BRIEF: Scan the material for the word "Steel", then return every line where it appears.
━━━━━━━━━━━━━━━━━━━━━━━━━━━━━━
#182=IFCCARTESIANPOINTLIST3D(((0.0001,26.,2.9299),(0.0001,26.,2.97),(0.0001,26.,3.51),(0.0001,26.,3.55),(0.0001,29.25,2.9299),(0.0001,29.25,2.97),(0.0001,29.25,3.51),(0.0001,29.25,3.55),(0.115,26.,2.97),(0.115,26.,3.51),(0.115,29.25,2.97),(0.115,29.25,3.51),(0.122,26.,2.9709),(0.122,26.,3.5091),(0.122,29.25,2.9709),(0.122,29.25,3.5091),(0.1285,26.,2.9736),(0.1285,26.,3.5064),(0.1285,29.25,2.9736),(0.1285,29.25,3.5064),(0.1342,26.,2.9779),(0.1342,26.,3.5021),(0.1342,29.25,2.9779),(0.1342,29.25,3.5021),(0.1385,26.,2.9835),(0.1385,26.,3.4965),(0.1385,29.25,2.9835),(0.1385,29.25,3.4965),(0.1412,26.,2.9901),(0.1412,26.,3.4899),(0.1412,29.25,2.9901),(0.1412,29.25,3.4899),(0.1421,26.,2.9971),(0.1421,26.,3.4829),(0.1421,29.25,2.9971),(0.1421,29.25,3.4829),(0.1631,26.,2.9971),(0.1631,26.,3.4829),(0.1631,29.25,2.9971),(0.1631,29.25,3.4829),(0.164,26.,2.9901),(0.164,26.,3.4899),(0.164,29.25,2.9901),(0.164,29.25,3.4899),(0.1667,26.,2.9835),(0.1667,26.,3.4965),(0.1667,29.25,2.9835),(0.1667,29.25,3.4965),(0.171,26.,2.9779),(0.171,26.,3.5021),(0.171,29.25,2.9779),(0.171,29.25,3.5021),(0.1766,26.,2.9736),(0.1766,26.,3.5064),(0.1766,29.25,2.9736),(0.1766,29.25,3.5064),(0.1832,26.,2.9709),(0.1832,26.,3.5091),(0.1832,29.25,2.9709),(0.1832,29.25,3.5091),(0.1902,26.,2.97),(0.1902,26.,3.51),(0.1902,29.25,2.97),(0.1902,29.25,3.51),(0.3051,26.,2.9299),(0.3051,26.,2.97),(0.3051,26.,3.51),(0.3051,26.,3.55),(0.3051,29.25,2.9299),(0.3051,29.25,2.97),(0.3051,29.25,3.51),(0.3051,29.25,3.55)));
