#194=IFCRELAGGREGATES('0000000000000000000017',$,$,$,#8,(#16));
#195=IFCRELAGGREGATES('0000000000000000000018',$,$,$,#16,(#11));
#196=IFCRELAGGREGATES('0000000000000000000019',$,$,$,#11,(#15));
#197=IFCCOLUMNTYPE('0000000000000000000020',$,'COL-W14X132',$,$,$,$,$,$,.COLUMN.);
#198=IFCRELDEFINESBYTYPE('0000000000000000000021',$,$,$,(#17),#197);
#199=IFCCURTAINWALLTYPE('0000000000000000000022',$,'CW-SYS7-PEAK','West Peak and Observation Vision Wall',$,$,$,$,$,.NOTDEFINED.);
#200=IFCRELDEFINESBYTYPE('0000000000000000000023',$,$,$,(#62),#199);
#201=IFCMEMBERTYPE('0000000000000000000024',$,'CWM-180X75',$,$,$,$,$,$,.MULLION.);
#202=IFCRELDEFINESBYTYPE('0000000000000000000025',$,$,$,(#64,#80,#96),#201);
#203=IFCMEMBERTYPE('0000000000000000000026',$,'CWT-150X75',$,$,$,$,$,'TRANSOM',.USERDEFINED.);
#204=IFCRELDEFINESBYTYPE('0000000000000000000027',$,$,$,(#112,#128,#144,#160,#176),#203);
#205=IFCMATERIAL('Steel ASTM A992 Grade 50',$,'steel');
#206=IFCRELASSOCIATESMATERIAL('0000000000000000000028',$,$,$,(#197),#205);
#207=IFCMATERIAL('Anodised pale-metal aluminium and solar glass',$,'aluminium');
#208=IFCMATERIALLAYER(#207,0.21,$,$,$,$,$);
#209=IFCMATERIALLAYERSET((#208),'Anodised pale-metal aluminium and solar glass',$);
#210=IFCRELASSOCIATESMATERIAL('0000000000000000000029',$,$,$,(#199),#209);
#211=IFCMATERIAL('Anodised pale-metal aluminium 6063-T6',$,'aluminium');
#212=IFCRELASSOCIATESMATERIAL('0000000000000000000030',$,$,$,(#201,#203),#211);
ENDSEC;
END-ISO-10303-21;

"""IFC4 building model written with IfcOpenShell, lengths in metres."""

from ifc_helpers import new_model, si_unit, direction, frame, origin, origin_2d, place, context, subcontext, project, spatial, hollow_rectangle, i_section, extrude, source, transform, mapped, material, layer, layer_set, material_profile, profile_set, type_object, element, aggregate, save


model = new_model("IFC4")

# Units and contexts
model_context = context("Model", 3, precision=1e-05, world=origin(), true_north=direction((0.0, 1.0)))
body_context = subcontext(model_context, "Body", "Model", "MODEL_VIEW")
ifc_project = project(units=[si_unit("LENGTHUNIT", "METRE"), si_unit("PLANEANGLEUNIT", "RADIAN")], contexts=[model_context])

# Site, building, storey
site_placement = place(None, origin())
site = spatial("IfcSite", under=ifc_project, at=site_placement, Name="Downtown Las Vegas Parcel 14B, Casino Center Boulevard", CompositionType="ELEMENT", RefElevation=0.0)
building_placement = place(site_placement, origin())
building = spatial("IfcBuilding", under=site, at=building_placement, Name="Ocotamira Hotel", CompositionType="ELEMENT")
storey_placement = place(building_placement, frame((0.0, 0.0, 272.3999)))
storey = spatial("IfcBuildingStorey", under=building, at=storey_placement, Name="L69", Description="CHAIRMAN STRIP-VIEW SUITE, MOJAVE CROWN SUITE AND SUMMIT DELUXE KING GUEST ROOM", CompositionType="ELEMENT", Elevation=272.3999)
━━━━━━━━━━━━━━━━━━━━━━━━━━━━━━
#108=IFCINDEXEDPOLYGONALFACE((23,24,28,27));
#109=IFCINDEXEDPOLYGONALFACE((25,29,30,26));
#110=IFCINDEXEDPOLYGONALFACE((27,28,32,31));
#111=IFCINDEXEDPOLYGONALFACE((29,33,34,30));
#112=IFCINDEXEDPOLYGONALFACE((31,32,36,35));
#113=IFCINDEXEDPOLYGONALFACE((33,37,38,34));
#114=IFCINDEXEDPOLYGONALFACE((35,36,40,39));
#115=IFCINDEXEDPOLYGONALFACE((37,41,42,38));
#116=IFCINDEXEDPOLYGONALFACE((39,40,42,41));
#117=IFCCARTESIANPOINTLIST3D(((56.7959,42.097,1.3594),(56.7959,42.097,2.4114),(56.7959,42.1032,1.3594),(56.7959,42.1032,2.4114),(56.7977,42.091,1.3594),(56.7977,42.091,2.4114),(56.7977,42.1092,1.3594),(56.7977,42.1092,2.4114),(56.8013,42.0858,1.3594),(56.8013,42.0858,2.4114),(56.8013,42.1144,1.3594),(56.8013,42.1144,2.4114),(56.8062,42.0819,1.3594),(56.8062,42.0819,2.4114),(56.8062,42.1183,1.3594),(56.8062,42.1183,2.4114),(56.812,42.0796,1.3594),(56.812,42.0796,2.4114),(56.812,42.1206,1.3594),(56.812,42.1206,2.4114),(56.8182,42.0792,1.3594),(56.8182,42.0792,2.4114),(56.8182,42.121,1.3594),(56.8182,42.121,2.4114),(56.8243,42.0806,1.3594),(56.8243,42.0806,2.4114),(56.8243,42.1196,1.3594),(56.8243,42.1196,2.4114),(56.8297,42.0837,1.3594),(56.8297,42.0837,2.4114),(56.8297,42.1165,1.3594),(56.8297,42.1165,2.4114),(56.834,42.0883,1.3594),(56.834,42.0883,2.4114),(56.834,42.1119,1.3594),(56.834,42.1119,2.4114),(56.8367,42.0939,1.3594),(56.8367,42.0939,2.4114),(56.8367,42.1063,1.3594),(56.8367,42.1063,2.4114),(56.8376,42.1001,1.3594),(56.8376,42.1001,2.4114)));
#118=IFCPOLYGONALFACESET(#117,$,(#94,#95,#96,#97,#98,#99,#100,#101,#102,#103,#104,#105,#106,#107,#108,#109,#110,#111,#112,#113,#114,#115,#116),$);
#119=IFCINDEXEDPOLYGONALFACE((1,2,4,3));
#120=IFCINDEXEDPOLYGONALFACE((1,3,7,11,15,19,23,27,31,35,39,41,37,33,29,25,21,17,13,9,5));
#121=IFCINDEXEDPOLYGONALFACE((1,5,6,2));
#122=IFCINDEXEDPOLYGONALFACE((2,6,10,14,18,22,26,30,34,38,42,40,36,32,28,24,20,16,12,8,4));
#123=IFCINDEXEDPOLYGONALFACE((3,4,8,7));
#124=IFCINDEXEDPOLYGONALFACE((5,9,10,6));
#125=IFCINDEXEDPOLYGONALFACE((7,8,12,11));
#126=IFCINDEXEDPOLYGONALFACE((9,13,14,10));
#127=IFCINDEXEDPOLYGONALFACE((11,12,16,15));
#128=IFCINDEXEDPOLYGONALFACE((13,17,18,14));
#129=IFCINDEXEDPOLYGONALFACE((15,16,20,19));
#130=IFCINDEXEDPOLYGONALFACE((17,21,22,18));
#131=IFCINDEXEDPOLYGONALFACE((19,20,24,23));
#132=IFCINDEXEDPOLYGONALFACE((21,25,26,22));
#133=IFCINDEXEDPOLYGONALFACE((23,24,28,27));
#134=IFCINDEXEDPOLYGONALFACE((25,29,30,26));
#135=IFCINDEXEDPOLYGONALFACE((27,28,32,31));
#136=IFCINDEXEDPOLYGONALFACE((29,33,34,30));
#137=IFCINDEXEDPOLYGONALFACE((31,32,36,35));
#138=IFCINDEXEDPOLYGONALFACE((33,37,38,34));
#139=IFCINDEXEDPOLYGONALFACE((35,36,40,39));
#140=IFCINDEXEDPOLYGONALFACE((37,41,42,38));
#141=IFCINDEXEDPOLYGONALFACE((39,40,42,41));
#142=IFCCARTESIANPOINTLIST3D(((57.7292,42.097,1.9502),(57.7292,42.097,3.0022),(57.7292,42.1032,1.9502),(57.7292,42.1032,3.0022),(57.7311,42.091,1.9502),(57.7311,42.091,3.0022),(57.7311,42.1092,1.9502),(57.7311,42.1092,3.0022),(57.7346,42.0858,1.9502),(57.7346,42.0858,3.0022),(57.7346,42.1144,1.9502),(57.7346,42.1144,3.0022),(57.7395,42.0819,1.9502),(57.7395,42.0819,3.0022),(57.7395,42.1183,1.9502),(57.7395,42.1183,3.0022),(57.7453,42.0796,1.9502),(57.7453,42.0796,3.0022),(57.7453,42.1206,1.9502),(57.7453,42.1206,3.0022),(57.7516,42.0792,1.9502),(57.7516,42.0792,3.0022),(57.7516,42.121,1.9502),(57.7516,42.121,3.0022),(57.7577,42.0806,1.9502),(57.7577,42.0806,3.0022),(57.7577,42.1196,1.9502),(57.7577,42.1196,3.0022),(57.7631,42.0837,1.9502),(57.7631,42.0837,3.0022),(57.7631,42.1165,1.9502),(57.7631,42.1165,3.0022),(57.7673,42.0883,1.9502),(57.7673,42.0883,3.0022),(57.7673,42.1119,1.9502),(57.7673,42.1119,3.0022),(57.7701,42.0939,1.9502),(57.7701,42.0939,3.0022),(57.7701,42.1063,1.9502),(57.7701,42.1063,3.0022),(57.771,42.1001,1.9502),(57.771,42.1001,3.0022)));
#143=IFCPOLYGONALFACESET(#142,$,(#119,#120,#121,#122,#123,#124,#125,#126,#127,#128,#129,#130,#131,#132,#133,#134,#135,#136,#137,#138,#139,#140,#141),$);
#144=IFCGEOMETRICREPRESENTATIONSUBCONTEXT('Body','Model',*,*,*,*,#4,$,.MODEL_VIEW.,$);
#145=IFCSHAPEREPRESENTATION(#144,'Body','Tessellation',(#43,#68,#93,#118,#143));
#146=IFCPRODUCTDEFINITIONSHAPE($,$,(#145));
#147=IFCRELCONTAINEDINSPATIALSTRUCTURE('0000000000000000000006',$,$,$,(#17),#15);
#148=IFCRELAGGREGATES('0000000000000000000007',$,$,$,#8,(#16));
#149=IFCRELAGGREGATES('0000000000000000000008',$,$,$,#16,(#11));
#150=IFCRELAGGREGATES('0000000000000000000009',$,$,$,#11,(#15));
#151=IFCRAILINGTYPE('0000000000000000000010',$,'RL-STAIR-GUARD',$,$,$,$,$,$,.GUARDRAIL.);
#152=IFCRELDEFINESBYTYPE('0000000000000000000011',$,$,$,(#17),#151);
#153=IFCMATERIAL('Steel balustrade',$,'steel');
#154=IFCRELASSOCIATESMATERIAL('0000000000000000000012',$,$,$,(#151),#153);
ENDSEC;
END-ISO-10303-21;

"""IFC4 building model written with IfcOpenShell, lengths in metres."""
━━━━━━━━━━━━━━━━━━━━━━━━━━━━━━
EXERCISE SOLUTION:
#205=IFCMATERIAL('Steel ASTM A992 Grade 50',$,'steel');
#153=IFCMATERIAL('Steel balustrade',$,'steel');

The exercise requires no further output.